=== RECORD EXTRACTS ===

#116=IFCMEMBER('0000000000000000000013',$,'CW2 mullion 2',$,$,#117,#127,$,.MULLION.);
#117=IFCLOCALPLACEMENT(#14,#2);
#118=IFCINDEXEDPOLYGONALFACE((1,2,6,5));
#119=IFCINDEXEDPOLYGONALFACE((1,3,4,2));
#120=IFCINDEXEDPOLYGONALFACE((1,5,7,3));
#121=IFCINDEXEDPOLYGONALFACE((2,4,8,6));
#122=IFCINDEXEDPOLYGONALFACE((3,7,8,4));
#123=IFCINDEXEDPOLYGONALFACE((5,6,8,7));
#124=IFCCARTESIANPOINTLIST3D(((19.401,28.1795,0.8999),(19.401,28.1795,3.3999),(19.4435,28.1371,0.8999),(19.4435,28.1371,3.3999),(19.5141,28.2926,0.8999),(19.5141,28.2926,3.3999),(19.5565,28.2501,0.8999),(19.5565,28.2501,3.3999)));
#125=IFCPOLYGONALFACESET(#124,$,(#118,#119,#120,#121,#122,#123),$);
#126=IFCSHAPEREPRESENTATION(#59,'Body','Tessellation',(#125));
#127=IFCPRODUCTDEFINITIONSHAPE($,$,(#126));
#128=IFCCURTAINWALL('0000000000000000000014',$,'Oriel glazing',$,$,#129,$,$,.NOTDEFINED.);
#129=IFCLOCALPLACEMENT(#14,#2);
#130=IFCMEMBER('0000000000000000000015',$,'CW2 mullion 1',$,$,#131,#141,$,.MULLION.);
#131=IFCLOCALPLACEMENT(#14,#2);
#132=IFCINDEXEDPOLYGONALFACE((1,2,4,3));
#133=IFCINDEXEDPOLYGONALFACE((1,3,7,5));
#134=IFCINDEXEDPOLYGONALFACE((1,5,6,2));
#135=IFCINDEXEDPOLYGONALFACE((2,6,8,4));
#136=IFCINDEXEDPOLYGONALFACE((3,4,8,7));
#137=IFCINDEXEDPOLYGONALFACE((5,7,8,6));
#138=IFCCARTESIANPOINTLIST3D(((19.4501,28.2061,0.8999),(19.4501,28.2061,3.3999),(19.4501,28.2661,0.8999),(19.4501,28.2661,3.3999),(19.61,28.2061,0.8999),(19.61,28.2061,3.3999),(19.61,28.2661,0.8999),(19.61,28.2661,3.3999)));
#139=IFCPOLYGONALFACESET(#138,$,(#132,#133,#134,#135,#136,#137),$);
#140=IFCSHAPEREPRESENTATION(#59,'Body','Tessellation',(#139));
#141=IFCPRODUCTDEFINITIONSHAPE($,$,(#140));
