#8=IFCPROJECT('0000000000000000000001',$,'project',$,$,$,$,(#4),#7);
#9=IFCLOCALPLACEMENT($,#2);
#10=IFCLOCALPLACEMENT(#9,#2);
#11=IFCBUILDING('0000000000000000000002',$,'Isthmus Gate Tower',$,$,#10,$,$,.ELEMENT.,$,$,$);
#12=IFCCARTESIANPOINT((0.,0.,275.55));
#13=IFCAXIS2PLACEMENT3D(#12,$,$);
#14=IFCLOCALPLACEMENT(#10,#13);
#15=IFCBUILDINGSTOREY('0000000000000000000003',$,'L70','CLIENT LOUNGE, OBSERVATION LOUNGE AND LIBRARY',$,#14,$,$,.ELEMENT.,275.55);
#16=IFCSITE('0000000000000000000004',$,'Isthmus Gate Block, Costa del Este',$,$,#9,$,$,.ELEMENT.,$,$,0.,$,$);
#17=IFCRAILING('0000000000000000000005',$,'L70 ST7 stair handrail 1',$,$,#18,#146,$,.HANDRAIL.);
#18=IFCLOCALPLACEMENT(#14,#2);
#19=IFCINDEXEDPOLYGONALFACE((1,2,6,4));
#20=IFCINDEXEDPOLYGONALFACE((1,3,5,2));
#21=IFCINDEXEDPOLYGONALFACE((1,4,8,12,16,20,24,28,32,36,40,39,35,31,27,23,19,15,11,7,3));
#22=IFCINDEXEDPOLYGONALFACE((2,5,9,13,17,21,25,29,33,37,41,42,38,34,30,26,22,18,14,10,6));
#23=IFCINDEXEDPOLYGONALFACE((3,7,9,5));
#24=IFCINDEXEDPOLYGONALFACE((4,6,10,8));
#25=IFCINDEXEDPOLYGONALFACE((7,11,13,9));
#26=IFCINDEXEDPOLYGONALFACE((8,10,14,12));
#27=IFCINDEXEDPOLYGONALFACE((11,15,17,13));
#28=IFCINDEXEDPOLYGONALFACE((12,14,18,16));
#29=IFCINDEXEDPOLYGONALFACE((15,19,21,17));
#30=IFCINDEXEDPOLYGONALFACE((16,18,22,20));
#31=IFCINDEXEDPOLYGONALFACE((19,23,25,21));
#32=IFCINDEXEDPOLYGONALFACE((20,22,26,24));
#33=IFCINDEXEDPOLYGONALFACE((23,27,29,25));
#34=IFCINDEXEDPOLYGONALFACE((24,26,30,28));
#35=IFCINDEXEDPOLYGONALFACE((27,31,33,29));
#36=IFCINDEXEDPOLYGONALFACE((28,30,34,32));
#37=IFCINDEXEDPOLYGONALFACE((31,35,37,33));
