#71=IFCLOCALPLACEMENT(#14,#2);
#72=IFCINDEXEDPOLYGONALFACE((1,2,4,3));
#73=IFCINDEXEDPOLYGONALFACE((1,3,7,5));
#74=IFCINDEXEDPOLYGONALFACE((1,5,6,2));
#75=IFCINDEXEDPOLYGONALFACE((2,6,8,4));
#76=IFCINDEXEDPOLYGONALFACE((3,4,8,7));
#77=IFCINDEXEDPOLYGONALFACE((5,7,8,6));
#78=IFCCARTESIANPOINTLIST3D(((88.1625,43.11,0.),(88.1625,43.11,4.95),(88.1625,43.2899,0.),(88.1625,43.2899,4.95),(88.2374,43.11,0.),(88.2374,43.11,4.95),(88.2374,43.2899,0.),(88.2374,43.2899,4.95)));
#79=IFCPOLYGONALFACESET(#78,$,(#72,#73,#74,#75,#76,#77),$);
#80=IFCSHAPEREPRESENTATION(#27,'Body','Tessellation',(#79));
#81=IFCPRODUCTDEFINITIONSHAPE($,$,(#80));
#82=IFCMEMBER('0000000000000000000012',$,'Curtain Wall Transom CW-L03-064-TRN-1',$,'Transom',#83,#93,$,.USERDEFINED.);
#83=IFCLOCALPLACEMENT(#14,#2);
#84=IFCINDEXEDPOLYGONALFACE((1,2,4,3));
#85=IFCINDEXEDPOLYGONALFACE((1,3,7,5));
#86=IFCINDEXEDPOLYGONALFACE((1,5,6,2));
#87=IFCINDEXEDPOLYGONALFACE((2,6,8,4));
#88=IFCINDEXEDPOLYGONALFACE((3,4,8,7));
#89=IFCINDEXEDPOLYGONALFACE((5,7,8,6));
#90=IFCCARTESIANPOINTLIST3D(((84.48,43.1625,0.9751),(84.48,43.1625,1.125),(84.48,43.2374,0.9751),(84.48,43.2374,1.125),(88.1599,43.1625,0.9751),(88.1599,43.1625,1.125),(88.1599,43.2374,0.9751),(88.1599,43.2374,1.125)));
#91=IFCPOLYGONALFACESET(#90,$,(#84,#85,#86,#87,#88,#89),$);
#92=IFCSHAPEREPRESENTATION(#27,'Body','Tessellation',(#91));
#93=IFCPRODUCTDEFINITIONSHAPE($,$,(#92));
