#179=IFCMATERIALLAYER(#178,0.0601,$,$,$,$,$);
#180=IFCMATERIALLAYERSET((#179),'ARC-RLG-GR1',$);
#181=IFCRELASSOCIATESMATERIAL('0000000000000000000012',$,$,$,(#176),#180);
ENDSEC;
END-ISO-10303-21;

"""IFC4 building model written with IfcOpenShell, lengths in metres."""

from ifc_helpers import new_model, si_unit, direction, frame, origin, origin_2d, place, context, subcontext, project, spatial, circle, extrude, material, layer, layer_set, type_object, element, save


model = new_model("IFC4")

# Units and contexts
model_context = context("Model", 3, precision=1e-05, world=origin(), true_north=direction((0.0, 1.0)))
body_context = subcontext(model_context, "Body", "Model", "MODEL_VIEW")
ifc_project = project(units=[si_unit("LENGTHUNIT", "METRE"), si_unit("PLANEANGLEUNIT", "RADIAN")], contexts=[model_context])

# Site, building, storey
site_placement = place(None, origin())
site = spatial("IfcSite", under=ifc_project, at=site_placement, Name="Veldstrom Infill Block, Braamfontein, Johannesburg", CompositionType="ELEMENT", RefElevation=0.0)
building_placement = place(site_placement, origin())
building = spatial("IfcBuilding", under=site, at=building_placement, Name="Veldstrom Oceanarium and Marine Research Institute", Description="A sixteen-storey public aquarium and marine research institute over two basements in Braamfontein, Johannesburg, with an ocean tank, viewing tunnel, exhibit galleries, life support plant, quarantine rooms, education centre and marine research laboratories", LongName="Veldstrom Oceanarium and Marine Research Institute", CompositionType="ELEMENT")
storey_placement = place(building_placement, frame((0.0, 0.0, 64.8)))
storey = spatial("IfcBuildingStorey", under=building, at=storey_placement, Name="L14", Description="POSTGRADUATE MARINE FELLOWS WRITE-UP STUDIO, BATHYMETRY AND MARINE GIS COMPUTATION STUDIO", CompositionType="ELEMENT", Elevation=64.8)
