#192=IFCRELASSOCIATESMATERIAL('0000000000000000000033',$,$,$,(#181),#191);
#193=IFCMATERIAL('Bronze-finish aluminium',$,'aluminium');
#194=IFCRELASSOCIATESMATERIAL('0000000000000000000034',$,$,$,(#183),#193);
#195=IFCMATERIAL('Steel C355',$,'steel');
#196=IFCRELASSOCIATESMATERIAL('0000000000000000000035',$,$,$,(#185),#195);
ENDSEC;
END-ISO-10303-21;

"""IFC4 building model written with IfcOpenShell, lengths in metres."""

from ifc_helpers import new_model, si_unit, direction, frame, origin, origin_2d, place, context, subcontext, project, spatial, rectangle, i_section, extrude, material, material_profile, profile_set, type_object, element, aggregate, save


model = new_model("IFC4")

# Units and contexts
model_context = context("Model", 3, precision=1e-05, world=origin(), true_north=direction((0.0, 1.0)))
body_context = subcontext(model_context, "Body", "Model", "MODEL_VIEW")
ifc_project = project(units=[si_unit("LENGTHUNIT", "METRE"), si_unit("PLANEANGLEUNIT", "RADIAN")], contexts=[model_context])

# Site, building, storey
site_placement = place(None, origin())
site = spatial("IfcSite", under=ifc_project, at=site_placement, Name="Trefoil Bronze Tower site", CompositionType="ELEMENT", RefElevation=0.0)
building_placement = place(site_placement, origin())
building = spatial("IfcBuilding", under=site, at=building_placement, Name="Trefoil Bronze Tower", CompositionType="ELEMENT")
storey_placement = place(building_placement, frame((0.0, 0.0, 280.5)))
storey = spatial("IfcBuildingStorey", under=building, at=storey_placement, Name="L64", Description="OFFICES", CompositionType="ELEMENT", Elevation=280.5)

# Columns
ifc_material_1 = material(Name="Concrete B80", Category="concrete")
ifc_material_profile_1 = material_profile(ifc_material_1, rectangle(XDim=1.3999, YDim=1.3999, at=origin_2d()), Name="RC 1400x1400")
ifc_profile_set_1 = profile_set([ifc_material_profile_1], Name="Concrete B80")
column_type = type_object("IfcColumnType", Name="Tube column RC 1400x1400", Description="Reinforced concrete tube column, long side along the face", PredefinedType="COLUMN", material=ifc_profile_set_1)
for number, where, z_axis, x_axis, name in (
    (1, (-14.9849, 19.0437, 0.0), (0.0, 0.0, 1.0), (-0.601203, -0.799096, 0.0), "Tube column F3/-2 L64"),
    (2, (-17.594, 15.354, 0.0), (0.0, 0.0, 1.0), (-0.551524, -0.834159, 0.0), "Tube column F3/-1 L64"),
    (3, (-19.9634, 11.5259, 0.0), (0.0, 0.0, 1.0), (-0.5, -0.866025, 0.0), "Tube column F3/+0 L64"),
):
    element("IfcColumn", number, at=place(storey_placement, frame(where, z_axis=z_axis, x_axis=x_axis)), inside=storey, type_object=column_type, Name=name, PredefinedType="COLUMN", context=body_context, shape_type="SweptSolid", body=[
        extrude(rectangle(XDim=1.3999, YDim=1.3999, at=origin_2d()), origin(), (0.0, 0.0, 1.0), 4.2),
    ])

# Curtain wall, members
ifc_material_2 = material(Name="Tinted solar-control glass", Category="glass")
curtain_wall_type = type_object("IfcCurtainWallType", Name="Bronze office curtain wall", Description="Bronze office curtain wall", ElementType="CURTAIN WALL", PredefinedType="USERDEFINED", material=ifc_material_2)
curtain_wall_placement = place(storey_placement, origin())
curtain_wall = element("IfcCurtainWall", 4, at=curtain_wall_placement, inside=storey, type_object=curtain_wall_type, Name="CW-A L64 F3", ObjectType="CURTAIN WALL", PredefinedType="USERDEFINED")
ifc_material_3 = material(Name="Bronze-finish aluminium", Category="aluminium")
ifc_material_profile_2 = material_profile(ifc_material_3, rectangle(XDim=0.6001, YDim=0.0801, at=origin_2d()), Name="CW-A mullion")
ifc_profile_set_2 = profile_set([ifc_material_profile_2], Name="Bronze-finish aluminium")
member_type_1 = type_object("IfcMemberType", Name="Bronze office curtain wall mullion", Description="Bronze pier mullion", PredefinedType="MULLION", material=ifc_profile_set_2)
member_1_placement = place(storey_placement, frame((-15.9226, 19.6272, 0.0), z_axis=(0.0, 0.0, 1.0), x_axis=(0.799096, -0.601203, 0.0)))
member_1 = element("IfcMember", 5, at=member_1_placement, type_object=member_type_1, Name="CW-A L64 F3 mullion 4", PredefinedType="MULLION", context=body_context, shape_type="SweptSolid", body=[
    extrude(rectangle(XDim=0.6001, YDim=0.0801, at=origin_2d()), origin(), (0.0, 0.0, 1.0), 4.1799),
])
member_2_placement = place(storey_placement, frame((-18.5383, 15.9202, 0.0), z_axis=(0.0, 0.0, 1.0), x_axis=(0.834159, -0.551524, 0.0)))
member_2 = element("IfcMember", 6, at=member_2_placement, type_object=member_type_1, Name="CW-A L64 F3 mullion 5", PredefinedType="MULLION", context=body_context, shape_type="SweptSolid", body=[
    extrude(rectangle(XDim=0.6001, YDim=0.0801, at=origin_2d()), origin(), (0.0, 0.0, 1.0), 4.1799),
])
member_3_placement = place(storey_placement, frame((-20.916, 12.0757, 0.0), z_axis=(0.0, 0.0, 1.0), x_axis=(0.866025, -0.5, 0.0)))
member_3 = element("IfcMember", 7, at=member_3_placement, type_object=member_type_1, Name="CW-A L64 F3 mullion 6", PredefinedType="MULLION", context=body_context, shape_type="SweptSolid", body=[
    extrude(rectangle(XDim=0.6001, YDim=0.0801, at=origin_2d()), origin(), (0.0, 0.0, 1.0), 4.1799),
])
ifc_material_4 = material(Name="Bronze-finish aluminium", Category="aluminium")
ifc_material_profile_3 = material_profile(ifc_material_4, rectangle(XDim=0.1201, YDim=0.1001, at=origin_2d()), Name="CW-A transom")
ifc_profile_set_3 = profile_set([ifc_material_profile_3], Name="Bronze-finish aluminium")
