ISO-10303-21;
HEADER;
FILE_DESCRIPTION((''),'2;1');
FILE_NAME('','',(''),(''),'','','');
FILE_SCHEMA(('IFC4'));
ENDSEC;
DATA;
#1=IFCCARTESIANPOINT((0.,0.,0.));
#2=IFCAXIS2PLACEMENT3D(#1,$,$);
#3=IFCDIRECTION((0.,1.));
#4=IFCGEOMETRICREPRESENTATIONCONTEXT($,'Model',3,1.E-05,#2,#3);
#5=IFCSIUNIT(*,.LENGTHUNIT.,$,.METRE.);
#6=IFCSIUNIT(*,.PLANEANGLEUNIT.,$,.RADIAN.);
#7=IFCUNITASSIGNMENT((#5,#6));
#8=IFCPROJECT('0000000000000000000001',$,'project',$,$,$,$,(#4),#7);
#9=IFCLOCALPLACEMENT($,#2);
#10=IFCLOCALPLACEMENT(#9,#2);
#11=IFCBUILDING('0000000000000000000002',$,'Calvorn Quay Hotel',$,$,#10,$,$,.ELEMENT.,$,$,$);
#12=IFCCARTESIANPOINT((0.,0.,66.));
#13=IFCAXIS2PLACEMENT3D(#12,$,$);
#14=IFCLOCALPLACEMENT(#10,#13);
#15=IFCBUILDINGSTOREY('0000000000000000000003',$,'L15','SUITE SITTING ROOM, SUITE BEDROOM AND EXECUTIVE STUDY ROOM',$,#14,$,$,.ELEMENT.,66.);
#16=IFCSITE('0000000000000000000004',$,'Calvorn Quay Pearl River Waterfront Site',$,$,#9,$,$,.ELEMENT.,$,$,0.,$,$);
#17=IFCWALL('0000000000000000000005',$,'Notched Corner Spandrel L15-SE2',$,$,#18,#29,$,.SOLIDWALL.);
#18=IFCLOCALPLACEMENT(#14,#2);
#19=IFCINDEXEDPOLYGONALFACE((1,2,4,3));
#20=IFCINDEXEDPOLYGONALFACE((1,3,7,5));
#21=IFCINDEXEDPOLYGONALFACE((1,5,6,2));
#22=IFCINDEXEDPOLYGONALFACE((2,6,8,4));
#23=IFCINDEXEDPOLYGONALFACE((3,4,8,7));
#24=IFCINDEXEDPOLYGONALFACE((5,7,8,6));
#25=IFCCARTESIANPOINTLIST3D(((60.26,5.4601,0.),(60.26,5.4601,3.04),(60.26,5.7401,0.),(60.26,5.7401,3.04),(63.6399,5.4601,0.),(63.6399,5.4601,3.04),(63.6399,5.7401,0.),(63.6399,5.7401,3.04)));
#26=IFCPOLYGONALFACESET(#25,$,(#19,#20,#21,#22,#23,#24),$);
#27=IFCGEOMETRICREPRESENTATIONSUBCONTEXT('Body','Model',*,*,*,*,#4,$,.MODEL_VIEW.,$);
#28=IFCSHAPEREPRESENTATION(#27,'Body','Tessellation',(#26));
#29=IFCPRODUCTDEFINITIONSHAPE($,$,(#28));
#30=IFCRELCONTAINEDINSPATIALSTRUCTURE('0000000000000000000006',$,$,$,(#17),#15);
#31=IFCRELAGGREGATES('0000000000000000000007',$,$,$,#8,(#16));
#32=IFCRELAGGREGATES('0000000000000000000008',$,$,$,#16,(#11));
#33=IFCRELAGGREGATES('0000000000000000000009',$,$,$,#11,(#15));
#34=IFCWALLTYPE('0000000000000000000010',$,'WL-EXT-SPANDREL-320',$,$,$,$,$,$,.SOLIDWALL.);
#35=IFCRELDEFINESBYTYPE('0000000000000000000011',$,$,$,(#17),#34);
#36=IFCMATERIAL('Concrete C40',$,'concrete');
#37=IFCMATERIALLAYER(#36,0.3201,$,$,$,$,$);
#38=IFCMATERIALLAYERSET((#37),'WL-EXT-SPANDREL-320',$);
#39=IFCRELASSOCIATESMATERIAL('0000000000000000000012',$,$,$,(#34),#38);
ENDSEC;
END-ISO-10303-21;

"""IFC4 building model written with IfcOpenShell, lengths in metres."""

from ifc_helpers import new_model, si_unit, direction, frame, frame_2d, origin, place, context, subcontext, project, spatial, rectangle, extrude, material, layer, layer_set, type_object, element, save


model = new_model("IFC4")

# Units and contexts
model_context = context("Model", 3, precision=1e-05, world=origin(), true_north=direction((0.0, 1.0)))
body_context = subcontext(model_context, "Body", "Model", "MODEL_VIEW")
ifc_project = project(units=[si_unit("LENGTHUNIT", "METRE"), si_unit("PLANEANGLEUNIT", "RADIAN")], contexts=[model_context])

# Site, building, storey
site_placement = place(None, origin())
site = spatial("IfcSite", under=ifc_project, at=site_placement, Name="Calvorn Quay Pearl River Waterfront Site", CompositionType="ELEMENT", RefElevation=0.0)
building_placement = place(site_placement, origin())
building = spatial("IfcBuilding", under=site, at=building_placement, Name="Calvorn Quay Hotel", CompositionType="ELEMENT")
storey_placement = place(building_placement, frame((0.0, 0.0, 66.0)))
storey = spatial("IfcBuildingStorey", under=building, at=storey_placement, Name="L15", Description="SUITE SITTING ROOM, SUITE BEDROOM AND EXECUTIVE STUDY ROOM", CompositionType="ELEMENT", Elevation=66.0)

# Wall
ifc_material_1 = material(Name="Concrete C40", Category="concrete")
ifc_layer_1 = layer(ifc_material_1, 0.3201)
ifc_layer_set_1 = layer_set([ifc_layer_1], Name="WL-EXT-SPANDREL-320")
wall_type = type_object("IfcWallType", Name="WL-EXT-SPANDREL-320", PredefinedType="SOLIDWALL", material=ifc_layer_set_1)
wall_1_placement = place(storey_placement, frame((60.26, 5.6001, 0.0), z_axis=(0.0, 0.0, 1.0), x_axis=(1.0, 0.0, 0.0)))
element("IfcWall", 1, at=wall_1_placement, inside=storey, type_object=wall_type, Name="Notched Corner Spandrel L15-SE2", PredefinedType="SOLIDWALL", context=body_context, shape_type="SweptSolid", body=[
    extrude(rectangle(XDim=3.3799, YDim=0.28, at=frame_2d((1.6899, 0.0))), origin(), (0.0, 0.0, 1.0), 3.04),
])

save(model, "model.ifc")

===

EXERCISE DETAILS: Of all the entries above, output exactly the lines between the one holding "#12=IFCCARTESIANPOINT((0.,0.,275.55));" and the one holding "#24=IFCINDEXEDPOLYGONALFACE((4,6,10,8));", inclusive.

THE ANSWER:
#12=IFCCARTESIANPOINT((0.,0.,275.55));
#13=IFCAXIS2PLACEMENT3D(#12,$,$);
#14=IFCLOCALPLACEMENT(#10,#13);
#15=IFCBUILDINGSTOREY('0000000000000000000003',$,'L70','CLIENT LOUNGE, OBSERVATION LOUNGE AND LIBRARY',$,#14,$,$,.ELEMENT.,275.55);
#16=IFCSITE('0000000000000000000004',$,'Isthmus Gate Block, Costa del Este',$,$,#9,$,$,.ELEMENT.,$,$,0.,$,$);
#17=IFCRAILING('0000000000000000000005',$,'L70 ST7 stair handrail 1',$,$,#18,#146,$,.HANDRAIL.);
#18=IFCLOCALPLACEMENT(#14,#2);
#19=IFCINDEXEDPOLYGONALFACE((1,2,6,4));
#20=IFCINDEXEDPOLYGONALFACE((1,3,5,2));
#21=IFCINDEXEDPOLYGONALFACE((1,4,8,12,16,20,24,28,32,36,40,39,35,31,27,23,19,15,11,7,3));
#22=IFCINDEXEDPOLYGONALFACE((2,5,9,13,17,21,25,29,33,37,41,42,38,34,30,26,22,18,14,10,6));
#23=IFCINDEXEDPOLYGONALFACE((3,7,9,5));
#24=IFCINDEXEDPOLYGONALFACE((4,6,10,8));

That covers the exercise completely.